§ **What is expected**
Filter the data for "IFCRELASSOCIATESMATERIAL" and copy matching lines.

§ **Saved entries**
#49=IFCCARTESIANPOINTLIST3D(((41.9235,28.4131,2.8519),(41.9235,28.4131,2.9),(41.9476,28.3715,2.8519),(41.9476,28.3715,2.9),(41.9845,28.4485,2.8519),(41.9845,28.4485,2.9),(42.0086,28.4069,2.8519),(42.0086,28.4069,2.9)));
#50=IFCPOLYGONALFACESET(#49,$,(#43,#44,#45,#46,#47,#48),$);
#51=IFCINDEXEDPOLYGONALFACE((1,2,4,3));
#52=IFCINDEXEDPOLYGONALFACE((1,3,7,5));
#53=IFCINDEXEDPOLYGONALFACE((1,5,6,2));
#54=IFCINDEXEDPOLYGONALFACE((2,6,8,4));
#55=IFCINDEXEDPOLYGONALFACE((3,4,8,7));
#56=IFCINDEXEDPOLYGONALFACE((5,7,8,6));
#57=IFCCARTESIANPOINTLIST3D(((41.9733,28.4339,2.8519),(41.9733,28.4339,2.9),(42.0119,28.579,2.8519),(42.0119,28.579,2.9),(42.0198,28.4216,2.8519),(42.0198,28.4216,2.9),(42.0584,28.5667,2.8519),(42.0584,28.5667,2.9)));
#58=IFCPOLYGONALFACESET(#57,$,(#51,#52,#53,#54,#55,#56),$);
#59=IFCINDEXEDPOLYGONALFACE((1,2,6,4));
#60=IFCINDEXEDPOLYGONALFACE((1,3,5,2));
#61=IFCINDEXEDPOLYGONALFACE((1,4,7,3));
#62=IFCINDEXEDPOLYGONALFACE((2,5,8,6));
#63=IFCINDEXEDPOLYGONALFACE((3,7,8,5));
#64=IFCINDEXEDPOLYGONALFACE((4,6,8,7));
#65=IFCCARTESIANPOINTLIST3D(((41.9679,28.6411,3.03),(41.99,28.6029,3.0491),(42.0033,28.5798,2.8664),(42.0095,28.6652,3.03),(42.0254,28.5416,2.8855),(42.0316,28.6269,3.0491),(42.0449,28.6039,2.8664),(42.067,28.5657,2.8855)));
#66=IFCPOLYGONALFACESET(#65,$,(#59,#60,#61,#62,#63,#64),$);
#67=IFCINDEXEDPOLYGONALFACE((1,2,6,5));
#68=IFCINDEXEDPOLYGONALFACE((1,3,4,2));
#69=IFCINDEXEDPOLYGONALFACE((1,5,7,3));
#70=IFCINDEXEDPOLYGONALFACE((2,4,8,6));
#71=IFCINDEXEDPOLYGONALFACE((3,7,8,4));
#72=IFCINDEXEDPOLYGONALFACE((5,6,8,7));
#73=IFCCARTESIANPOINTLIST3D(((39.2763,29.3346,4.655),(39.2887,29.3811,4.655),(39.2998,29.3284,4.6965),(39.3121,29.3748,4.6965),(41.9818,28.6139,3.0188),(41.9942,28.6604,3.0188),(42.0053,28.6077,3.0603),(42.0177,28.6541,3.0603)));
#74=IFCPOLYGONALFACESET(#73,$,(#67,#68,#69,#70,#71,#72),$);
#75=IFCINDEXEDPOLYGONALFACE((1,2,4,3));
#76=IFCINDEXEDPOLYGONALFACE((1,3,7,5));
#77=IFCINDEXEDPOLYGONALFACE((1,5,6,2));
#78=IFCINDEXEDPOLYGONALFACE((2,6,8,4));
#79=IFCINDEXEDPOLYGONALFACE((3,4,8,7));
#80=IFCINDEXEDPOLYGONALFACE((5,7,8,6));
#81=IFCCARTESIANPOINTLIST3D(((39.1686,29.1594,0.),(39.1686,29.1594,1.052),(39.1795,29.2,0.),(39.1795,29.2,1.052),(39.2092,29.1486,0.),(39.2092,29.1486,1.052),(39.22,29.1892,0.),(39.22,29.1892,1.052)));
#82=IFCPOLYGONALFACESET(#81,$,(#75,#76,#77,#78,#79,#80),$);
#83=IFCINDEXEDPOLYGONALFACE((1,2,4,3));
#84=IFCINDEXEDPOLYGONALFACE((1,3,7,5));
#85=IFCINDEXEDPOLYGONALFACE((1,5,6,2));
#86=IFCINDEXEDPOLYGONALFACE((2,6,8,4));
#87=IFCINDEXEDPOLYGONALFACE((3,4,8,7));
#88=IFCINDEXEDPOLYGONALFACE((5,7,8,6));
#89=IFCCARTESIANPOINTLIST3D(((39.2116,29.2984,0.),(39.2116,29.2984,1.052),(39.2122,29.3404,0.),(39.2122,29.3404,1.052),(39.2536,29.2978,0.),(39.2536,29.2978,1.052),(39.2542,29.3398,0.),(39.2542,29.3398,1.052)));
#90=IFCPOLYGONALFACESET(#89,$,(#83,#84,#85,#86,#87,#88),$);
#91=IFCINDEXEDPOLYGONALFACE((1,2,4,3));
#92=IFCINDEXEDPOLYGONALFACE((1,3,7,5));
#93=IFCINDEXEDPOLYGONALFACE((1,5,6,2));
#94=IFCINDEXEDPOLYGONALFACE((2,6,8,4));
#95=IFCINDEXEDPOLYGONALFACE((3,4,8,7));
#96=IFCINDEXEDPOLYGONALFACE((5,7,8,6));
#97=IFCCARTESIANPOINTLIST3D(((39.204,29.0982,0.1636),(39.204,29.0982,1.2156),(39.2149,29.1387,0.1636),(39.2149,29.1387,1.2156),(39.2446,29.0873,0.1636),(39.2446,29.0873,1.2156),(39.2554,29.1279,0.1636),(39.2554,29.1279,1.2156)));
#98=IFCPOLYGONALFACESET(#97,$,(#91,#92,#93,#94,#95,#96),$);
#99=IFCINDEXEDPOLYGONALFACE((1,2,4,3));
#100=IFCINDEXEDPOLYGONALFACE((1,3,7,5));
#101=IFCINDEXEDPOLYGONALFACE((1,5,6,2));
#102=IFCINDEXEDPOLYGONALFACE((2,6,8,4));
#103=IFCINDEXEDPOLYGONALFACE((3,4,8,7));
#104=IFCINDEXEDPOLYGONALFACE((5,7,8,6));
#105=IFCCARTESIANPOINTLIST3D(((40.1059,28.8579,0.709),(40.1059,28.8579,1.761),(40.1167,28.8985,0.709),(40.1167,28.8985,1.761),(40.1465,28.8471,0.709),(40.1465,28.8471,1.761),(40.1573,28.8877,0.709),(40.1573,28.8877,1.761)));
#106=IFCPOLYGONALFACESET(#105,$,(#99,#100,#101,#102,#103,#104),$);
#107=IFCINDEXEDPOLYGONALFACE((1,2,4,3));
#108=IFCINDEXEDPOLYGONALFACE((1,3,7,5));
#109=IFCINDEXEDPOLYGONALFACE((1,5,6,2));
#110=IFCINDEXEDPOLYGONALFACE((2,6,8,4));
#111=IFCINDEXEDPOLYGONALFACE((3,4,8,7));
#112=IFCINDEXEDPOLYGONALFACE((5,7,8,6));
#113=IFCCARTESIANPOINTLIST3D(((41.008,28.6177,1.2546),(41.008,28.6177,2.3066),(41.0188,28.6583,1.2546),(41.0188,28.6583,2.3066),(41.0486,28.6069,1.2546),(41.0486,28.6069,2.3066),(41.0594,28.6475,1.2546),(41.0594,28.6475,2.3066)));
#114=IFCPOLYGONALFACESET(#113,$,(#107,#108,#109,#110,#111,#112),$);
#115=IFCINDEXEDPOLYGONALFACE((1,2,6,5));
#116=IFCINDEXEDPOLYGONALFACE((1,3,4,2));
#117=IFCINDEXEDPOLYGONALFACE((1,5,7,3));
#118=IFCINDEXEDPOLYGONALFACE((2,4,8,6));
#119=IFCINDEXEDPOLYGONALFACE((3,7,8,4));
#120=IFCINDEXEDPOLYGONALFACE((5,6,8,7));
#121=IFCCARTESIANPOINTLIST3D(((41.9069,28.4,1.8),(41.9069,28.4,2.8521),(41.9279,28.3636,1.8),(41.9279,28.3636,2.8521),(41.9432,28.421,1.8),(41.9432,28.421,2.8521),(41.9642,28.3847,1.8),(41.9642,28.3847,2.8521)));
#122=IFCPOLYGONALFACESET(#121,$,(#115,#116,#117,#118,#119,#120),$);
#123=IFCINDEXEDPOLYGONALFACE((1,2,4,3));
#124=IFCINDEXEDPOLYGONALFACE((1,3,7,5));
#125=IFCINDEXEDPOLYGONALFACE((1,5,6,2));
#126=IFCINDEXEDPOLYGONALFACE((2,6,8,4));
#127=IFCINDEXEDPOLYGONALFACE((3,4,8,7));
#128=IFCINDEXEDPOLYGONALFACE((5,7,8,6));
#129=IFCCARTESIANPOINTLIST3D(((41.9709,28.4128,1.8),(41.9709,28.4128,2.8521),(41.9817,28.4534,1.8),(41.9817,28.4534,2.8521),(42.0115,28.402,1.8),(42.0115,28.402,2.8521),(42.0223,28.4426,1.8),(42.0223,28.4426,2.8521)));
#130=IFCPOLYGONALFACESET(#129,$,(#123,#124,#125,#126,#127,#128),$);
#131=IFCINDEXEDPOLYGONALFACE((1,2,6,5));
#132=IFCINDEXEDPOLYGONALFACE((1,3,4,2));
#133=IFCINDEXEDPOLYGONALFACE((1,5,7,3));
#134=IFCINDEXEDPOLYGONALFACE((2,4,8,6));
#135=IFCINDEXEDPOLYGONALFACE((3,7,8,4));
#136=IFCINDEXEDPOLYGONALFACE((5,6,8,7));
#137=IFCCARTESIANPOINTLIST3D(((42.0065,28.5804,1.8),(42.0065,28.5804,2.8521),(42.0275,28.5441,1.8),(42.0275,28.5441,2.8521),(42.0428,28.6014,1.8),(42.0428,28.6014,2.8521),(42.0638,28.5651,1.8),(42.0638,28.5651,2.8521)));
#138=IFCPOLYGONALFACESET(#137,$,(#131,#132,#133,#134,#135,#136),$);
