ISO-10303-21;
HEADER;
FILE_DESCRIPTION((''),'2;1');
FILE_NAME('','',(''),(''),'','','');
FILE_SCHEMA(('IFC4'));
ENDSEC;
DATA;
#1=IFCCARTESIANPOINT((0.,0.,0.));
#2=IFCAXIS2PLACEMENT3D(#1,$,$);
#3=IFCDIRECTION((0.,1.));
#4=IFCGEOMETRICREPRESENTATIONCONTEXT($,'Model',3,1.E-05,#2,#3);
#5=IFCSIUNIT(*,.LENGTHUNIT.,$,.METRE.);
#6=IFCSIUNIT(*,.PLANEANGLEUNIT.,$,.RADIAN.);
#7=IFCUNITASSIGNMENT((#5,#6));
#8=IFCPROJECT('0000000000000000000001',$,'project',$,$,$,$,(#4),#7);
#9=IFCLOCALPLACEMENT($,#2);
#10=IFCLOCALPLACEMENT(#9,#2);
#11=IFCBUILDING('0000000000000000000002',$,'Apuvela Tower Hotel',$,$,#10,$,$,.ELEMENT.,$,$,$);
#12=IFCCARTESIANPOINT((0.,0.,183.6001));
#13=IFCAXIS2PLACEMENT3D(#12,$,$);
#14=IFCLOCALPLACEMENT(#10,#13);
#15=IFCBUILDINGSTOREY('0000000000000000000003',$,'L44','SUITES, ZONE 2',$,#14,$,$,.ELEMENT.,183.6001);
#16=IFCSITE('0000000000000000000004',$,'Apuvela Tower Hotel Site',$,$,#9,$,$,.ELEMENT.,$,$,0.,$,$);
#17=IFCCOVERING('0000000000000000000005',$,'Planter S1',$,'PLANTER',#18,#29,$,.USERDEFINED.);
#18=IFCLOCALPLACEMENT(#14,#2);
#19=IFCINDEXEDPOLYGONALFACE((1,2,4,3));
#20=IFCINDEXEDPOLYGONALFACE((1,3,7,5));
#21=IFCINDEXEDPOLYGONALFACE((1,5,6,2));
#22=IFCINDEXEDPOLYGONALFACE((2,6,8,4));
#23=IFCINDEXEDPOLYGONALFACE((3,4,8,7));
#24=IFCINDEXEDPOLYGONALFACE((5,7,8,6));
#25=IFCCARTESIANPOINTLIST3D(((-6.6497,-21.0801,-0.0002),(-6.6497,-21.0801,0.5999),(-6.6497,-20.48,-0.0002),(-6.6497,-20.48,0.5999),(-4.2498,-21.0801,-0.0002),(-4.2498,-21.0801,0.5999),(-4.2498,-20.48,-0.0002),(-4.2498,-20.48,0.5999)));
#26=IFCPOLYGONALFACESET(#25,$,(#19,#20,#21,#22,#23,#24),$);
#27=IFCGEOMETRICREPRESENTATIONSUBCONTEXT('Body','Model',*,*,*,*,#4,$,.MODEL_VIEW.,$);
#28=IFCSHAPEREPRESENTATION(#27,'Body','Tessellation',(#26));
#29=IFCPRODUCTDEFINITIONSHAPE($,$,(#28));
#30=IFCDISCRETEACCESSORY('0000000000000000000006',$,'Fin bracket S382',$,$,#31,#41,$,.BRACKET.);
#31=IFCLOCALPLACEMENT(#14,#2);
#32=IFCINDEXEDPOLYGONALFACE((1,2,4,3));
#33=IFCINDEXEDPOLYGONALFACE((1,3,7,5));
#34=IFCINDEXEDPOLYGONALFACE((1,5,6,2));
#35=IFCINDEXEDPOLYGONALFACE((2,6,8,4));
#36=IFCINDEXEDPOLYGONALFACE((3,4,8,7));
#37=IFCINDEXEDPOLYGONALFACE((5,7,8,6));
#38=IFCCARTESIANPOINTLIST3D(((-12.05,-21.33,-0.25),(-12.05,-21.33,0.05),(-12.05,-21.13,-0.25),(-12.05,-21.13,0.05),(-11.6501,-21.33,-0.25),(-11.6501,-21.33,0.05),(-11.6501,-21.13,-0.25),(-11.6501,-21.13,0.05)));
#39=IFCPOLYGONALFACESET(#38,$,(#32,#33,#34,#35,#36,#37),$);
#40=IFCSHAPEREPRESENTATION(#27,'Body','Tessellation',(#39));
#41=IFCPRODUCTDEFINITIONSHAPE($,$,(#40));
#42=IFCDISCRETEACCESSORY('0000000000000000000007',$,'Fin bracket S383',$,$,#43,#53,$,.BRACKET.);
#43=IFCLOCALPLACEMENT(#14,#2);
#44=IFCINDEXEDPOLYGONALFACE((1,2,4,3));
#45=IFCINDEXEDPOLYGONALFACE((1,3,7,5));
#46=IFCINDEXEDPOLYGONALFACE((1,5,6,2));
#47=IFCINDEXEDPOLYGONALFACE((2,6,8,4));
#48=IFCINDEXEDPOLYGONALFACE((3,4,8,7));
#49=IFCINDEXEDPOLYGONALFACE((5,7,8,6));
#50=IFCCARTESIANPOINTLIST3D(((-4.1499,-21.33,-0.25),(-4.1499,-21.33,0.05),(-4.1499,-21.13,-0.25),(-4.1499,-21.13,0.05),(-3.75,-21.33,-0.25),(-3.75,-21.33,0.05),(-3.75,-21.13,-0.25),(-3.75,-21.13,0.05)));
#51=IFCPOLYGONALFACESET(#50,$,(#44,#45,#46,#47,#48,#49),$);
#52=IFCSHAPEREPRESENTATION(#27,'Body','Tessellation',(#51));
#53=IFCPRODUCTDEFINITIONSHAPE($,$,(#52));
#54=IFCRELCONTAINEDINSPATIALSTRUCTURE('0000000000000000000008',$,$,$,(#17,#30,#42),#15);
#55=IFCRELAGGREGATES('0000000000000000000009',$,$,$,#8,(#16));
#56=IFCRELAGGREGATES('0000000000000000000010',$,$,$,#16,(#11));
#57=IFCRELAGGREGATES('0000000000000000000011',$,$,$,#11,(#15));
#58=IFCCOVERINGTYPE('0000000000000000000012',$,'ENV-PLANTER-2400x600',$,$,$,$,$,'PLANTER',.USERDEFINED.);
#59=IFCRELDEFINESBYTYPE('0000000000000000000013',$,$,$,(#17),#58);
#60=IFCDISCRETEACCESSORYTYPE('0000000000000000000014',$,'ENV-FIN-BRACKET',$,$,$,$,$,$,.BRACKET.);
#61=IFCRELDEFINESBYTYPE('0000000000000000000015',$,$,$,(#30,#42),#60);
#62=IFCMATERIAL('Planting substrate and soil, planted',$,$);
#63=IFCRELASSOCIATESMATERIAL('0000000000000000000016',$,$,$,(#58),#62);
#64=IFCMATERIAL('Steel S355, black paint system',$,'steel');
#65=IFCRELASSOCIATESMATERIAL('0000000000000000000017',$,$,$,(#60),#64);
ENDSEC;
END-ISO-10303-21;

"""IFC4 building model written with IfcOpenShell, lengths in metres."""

from ifc_helpers import new_model, si_unit, direction, frame, origin, origin_2d, place, context, subcontext, project, spatial, rectangle, extrude, material, type_object, element, save


model = new_model("IFC4")

# Units and contexts
model_context = context("Model", 3, precision=1e-05, world=origin(), true_north=direction((0.0, 1.0)))
body_context = subcontext(model_context, "Body", "Model", "MODEL_VIEW")
ifc_project = project(units=[si_unit("LENGTHUNIT", "METRE"), si_unit("PLANEANGLEUNIT", "RADIAN")], contexts=[model_context])

# Site, building, storey
site_placement = place(None, origin())
site = spatial("IfcSite", under=ifc_project, at=site_placement, Name="Apuvela Tower Hotel Site", CompositionType="ELEMENT", RefElevation=0.0)
building_placement = place(site_placement, origin())
building = spatial("IfcBuilding", under=site, at=building_placement, Name="Apuvela Tower Hotel", CompositionType="ELEMENT")
storey_placement = place(building_placement, frame((0.0, 0.0, 183.6001)))
storey = spatial("IfcBuildingStorey", under=building, at=storey_placement, Name="L44", Description="SUITES, ZONE 2", CompositionType="ELEMENT", Elevation=183.6001)

# Covering
ifc_material_1 = material(Name="Planting substrate and soil, planted")
covering_type = type_object("IfcCoveringType", Name="ENV-PLANTER-2400x600", ElementType="PLANTER", PredefinedType="USERDEFINED", material=ifc_material_1)
covering_placement = place(storey_placement, frame((-5.4497, -20.78, -0.0002), z_axis=(0.0, 0.0, 1.0), x_axis=(1.0, 0.0, 0.0)))
element("IfcCovering", 1, at=covering_placement, inside=storey, type_object=covering_type, Name="Planter S1", ObjectType="PLANTER", PredefinedType="USERDEFINED", context=body_context, shape_type="SweptSolid", body=[
    extrude(rectangle(XDim=2.3999, YDim=0.6001, at=origin_2d()), origin(), (0.0, 0.0, 1.0), 0.6001),
])

# Discrete accessories
ifc_material_2 = material(Name="Steel S355, black paint system", Category="steel")
discrete_accessory_type = type_object("IfcDiscreteAccessoryType", Name="ENV-FIN-BRACKET", PredefinedType="BRACKET", material=ifc_material_2)
for number, where, z_axis, x_axis, name in (
    (2, (-11.8501, -21.23, -0.25), (0.0, 0.0, 1.0), (1.0, 0.0, 0.0), "Fin bracket S382"),
    (3, (-3.95, -21.23, -0.25), (0.0, 0.0, 1.0), (1.0, 0.0, 0.0), "Fin bracket S383"),
):
    element("IfcDiscreteAccessory", number, at=place(storey_placement, frame(where, z_axis=z_axis, x_axis=x_axis)), inside=storey, type_object=discrete_accessory_type, Name=name, PredefinedType="BRACKET", context=body_context, shape_type="SweptSolid", body=[
        extrude(rectangle(XDim=0.3999, YDim=0.2, at=origin_2d()), origin(), (0.0, 0.0, 1.0), 0.3),
    ])

save(model, "model.ifc")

§ **Your solution**
#63=IFCRELASSOCIATESMATERIAL('0000000000000000000016',$,$,$,(#58),#62);
#65=IFCRELASSOCIATESMATERIAL('0000000000000000000017',$,$,$,(#60),#64);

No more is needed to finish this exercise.